Problem to work on: Scan the listing for the word "Depot", and copy out each line where it is found.

Input records:
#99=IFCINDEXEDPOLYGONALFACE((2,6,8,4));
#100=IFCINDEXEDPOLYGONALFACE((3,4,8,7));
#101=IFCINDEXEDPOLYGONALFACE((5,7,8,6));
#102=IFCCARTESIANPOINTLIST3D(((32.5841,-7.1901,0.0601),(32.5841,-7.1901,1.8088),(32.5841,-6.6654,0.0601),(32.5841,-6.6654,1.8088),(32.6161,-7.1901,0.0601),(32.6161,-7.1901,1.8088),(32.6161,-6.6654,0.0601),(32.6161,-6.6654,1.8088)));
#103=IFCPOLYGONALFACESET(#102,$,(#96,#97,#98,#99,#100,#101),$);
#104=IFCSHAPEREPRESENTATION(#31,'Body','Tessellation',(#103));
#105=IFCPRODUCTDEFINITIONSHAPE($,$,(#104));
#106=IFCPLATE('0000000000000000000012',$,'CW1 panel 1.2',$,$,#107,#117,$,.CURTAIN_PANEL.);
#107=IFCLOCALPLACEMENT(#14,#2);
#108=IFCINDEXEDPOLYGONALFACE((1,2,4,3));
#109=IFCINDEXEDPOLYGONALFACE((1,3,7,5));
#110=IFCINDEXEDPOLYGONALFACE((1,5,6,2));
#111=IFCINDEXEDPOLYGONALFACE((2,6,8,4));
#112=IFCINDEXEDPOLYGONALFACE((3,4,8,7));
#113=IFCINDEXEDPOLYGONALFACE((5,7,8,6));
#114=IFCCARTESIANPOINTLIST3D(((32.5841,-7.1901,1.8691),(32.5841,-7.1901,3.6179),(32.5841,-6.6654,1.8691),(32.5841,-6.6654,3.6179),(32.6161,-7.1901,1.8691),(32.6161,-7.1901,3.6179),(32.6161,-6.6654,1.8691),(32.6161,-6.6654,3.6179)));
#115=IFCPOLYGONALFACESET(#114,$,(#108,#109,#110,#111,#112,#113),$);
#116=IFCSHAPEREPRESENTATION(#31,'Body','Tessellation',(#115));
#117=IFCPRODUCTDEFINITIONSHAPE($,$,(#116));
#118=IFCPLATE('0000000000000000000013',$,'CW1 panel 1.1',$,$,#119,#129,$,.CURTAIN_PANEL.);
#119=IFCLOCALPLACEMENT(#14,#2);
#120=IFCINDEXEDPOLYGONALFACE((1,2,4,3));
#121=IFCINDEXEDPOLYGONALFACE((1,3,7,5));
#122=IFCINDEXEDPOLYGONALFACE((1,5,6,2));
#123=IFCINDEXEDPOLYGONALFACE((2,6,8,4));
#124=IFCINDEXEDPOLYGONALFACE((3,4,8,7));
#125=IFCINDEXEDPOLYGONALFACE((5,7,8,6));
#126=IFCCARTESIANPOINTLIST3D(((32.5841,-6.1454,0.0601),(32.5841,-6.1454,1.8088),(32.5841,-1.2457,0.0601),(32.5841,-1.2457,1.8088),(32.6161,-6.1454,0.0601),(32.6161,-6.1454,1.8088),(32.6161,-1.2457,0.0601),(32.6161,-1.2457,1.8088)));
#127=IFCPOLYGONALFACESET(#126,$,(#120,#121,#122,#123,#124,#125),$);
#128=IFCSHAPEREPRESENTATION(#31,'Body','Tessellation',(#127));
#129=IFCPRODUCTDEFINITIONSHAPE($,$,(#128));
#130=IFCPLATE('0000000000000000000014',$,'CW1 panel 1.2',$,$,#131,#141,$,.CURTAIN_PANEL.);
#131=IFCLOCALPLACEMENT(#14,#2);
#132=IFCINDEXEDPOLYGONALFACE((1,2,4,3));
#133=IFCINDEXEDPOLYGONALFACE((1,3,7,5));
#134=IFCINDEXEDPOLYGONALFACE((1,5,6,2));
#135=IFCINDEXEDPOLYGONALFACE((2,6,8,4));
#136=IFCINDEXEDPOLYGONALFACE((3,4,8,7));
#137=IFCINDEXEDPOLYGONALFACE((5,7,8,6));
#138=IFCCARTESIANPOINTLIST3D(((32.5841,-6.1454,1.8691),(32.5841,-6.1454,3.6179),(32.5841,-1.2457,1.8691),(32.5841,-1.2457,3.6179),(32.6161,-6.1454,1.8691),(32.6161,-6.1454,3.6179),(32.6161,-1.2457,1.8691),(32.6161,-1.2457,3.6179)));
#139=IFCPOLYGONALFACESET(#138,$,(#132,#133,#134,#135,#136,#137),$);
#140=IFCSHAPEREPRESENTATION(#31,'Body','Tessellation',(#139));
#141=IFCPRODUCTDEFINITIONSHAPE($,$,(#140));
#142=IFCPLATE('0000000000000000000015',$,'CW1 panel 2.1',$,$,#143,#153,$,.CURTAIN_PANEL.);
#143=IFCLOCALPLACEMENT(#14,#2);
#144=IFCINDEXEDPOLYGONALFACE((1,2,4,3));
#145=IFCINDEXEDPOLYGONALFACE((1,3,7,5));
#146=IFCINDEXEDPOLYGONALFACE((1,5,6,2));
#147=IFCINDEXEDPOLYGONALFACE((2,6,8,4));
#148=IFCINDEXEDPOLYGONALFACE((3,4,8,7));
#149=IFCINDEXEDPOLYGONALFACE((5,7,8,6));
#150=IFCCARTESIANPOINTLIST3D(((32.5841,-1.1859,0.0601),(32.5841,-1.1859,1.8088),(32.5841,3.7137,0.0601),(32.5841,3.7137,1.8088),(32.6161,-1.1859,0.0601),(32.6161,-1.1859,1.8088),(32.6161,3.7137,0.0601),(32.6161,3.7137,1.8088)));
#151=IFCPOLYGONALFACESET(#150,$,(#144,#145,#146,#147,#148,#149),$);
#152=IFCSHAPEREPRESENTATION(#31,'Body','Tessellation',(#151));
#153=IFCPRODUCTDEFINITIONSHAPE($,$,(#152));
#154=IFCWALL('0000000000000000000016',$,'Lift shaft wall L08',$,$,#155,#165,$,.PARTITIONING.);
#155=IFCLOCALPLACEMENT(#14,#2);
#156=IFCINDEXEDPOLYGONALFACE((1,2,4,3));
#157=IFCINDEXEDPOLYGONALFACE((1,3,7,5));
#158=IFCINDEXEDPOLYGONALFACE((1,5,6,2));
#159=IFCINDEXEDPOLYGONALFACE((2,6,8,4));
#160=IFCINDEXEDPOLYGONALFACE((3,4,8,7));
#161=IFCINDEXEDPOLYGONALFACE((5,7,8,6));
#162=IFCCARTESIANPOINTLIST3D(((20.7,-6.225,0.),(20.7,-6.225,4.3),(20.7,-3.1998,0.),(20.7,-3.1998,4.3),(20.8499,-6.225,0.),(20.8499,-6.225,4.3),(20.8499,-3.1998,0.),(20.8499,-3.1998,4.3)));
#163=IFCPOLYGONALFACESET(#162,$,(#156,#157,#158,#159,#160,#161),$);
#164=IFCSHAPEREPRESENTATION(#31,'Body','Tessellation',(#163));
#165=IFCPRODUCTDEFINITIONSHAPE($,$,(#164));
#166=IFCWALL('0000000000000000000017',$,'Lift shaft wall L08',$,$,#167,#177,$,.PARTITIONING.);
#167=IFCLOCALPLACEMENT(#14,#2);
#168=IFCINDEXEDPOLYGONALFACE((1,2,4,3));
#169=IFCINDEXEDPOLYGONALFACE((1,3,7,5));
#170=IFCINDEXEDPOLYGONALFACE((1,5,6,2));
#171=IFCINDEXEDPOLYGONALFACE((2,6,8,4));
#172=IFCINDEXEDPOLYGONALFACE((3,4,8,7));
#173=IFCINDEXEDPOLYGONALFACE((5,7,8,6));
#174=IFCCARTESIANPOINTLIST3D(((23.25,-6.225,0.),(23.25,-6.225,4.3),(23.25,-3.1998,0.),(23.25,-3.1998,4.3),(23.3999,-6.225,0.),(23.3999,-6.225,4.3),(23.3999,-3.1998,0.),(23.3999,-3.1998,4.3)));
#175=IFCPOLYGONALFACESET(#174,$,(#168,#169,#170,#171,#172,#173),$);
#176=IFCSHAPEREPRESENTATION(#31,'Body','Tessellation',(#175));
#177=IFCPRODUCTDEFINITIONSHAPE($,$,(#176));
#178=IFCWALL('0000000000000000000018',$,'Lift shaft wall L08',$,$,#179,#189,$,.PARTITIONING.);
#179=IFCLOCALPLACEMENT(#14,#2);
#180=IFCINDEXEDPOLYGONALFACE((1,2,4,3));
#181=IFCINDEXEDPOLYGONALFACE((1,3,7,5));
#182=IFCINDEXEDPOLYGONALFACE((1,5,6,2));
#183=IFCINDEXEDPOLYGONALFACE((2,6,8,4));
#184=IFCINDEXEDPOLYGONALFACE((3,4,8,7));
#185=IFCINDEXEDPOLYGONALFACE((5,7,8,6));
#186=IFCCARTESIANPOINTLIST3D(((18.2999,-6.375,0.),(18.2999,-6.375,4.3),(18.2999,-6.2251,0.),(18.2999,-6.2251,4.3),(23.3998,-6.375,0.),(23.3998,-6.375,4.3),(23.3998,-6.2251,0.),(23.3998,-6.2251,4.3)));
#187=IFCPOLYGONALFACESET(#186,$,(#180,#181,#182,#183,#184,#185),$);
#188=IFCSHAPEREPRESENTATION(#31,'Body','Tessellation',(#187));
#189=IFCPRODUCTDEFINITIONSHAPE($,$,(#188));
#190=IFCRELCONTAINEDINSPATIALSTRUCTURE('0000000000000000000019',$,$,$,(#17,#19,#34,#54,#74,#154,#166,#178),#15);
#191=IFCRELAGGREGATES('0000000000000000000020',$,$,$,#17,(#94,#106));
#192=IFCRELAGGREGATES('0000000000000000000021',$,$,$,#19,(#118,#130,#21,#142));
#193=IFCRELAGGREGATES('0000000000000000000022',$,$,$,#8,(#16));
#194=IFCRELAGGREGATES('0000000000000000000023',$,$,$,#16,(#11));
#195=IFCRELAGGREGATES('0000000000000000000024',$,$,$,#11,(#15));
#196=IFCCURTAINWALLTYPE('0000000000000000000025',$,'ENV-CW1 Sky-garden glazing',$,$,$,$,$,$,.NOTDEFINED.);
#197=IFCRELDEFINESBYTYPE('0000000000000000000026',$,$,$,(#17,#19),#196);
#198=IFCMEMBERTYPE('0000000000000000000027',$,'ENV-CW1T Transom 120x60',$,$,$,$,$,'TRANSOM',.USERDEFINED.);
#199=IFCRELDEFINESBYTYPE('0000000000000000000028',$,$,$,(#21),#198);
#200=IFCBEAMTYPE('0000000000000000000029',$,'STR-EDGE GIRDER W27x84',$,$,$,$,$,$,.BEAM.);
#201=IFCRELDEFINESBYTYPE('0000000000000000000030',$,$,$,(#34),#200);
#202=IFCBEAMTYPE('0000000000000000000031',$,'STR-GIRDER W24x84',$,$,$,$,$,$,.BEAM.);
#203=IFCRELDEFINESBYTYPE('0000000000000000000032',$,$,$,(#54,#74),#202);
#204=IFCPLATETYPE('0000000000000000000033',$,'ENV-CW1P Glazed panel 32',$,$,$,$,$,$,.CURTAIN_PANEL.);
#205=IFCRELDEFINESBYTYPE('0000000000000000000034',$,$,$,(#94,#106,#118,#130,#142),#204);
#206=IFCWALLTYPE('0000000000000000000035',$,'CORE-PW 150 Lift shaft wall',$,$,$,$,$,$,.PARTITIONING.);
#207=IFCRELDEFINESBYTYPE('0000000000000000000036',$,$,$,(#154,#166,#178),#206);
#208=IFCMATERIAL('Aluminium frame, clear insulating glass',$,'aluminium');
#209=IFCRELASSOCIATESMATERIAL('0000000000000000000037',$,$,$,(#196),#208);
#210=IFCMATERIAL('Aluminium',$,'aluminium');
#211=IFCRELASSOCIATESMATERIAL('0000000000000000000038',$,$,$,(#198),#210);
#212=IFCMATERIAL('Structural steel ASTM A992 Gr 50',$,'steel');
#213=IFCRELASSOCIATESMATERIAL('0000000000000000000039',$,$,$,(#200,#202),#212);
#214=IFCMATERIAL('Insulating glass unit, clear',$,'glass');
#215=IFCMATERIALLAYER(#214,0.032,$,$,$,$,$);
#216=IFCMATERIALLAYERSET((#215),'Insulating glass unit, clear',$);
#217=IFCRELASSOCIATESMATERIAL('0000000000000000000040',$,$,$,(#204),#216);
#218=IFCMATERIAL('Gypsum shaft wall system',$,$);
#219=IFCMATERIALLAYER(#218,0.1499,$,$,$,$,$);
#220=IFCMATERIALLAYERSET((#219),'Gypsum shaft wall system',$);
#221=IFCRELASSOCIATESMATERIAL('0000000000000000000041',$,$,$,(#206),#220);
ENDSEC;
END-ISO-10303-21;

--

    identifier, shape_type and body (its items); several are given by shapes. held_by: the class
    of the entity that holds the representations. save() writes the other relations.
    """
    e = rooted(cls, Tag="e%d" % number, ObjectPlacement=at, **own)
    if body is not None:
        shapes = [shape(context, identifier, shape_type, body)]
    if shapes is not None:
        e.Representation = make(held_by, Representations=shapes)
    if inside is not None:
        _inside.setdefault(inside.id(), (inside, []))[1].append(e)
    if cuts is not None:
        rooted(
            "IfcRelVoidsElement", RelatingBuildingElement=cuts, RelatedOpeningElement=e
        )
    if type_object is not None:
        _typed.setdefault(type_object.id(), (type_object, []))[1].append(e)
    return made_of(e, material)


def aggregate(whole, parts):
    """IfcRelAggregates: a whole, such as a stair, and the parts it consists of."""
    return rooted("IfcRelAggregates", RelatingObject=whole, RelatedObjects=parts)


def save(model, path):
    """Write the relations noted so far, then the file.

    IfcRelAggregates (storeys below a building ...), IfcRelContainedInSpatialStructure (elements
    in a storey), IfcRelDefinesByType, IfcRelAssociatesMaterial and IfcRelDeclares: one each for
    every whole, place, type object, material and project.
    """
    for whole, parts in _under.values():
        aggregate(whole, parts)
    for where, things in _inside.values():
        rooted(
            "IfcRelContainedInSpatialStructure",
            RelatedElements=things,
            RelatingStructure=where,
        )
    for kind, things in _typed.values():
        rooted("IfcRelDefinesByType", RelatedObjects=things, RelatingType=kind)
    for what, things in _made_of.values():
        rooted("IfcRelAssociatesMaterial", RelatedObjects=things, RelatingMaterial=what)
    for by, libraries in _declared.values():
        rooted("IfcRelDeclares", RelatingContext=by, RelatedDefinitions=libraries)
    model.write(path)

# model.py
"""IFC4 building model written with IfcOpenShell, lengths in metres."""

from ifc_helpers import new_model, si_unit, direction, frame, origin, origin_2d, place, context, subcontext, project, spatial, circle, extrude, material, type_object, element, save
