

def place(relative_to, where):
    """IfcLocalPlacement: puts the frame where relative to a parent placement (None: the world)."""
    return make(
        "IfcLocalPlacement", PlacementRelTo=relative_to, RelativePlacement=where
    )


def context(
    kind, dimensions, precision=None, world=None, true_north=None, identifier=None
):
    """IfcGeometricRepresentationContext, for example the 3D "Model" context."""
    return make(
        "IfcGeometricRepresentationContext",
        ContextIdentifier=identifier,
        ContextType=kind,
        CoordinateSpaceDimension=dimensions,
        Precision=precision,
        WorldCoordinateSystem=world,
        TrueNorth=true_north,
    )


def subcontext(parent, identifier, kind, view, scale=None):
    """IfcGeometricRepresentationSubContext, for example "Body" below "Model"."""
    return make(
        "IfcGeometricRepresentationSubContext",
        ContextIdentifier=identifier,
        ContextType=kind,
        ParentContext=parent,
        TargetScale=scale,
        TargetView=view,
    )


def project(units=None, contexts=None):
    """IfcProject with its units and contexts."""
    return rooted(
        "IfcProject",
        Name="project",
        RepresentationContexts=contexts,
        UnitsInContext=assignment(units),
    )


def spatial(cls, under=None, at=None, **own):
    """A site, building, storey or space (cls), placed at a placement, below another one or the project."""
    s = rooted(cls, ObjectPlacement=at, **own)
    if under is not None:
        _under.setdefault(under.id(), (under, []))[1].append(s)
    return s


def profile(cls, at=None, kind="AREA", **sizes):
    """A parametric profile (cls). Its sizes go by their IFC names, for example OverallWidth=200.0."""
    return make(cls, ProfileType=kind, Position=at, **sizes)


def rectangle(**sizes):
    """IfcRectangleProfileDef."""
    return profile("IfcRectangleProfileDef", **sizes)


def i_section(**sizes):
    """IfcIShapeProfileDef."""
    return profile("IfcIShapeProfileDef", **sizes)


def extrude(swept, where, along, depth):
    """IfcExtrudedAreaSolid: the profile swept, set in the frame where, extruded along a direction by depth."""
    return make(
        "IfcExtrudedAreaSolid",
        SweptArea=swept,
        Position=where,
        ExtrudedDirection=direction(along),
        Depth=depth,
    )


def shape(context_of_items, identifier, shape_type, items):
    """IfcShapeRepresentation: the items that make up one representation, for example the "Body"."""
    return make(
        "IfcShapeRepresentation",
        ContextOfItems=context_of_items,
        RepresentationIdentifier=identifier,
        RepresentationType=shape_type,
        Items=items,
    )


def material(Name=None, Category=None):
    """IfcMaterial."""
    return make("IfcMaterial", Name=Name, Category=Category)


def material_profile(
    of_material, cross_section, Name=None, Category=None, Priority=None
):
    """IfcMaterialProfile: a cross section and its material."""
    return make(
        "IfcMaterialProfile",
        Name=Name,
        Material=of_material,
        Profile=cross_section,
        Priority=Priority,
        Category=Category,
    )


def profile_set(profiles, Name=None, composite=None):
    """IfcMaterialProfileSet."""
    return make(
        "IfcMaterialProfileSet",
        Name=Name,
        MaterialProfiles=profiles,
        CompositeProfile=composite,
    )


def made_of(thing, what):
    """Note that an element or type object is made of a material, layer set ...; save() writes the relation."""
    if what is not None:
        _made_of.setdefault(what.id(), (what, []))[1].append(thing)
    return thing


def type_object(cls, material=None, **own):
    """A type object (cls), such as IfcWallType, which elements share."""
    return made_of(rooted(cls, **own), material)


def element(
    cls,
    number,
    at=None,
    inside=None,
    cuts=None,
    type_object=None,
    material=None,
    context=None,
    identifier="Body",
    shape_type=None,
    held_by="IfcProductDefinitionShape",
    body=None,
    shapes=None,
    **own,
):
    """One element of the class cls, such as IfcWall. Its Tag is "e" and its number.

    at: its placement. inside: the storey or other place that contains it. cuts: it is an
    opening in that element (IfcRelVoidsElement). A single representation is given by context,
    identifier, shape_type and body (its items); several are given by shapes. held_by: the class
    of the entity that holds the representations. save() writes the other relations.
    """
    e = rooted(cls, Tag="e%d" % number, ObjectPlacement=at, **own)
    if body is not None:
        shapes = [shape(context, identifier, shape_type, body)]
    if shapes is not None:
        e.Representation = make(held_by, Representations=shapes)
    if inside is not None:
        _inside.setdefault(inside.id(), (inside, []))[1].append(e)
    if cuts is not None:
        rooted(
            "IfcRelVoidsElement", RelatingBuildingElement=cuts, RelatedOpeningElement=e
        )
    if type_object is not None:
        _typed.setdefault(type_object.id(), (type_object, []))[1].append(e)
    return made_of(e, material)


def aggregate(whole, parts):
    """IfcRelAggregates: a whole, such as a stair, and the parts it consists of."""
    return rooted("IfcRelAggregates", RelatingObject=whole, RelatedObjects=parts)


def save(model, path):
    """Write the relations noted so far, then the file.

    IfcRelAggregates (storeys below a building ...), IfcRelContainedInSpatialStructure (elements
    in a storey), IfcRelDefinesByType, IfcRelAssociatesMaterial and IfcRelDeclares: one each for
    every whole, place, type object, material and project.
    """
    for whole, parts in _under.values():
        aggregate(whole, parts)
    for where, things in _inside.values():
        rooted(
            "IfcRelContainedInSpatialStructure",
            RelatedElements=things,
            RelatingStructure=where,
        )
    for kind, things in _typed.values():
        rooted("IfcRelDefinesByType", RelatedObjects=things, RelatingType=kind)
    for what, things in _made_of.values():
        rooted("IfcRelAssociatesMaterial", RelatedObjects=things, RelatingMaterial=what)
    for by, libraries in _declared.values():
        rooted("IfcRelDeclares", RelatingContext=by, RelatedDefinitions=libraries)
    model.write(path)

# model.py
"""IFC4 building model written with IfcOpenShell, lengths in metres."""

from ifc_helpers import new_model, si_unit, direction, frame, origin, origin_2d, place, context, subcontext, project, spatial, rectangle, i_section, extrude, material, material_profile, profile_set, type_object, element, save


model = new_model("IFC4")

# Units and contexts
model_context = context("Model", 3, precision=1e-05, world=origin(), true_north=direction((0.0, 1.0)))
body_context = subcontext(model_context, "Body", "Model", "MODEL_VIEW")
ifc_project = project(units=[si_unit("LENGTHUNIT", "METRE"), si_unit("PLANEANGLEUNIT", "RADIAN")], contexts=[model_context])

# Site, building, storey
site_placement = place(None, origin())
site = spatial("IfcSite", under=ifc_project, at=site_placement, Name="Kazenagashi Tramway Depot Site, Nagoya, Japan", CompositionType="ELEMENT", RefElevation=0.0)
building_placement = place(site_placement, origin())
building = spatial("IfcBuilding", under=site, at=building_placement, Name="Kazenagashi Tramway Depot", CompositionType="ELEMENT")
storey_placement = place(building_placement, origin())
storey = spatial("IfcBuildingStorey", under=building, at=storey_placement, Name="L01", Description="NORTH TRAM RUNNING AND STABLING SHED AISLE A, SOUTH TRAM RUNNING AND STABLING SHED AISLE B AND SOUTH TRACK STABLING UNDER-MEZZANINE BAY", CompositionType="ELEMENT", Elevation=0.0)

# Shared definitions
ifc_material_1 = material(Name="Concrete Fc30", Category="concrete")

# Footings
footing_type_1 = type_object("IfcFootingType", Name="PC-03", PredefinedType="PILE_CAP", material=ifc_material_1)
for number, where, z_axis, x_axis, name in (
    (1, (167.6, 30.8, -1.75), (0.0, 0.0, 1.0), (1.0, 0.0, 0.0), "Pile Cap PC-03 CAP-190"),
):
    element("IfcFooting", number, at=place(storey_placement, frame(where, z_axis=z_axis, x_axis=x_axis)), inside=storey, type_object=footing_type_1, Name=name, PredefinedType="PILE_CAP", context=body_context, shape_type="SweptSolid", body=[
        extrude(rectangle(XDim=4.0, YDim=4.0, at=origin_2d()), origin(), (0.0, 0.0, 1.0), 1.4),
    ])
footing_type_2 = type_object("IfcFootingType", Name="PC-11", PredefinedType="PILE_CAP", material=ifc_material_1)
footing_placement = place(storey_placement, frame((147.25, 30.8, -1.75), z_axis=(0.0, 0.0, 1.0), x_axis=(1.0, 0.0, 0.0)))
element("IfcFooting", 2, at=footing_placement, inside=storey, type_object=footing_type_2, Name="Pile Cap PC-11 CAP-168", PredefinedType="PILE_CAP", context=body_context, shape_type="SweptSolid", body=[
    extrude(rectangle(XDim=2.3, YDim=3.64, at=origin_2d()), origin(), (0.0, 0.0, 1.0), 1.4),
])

Response box:
site = spatial("IfcSite", under=ifc_project, at=site_placement, Name="Kazenagashi Tramway Depot Site, Nagoya, Japan", CompositionType="ELEMENT", RefElevation=0.0)
building = spatial("IfcBuilding", under=site, at=building_placement, Name="Kazenagashi Tramway Depot", CompositionType="ELEMENT")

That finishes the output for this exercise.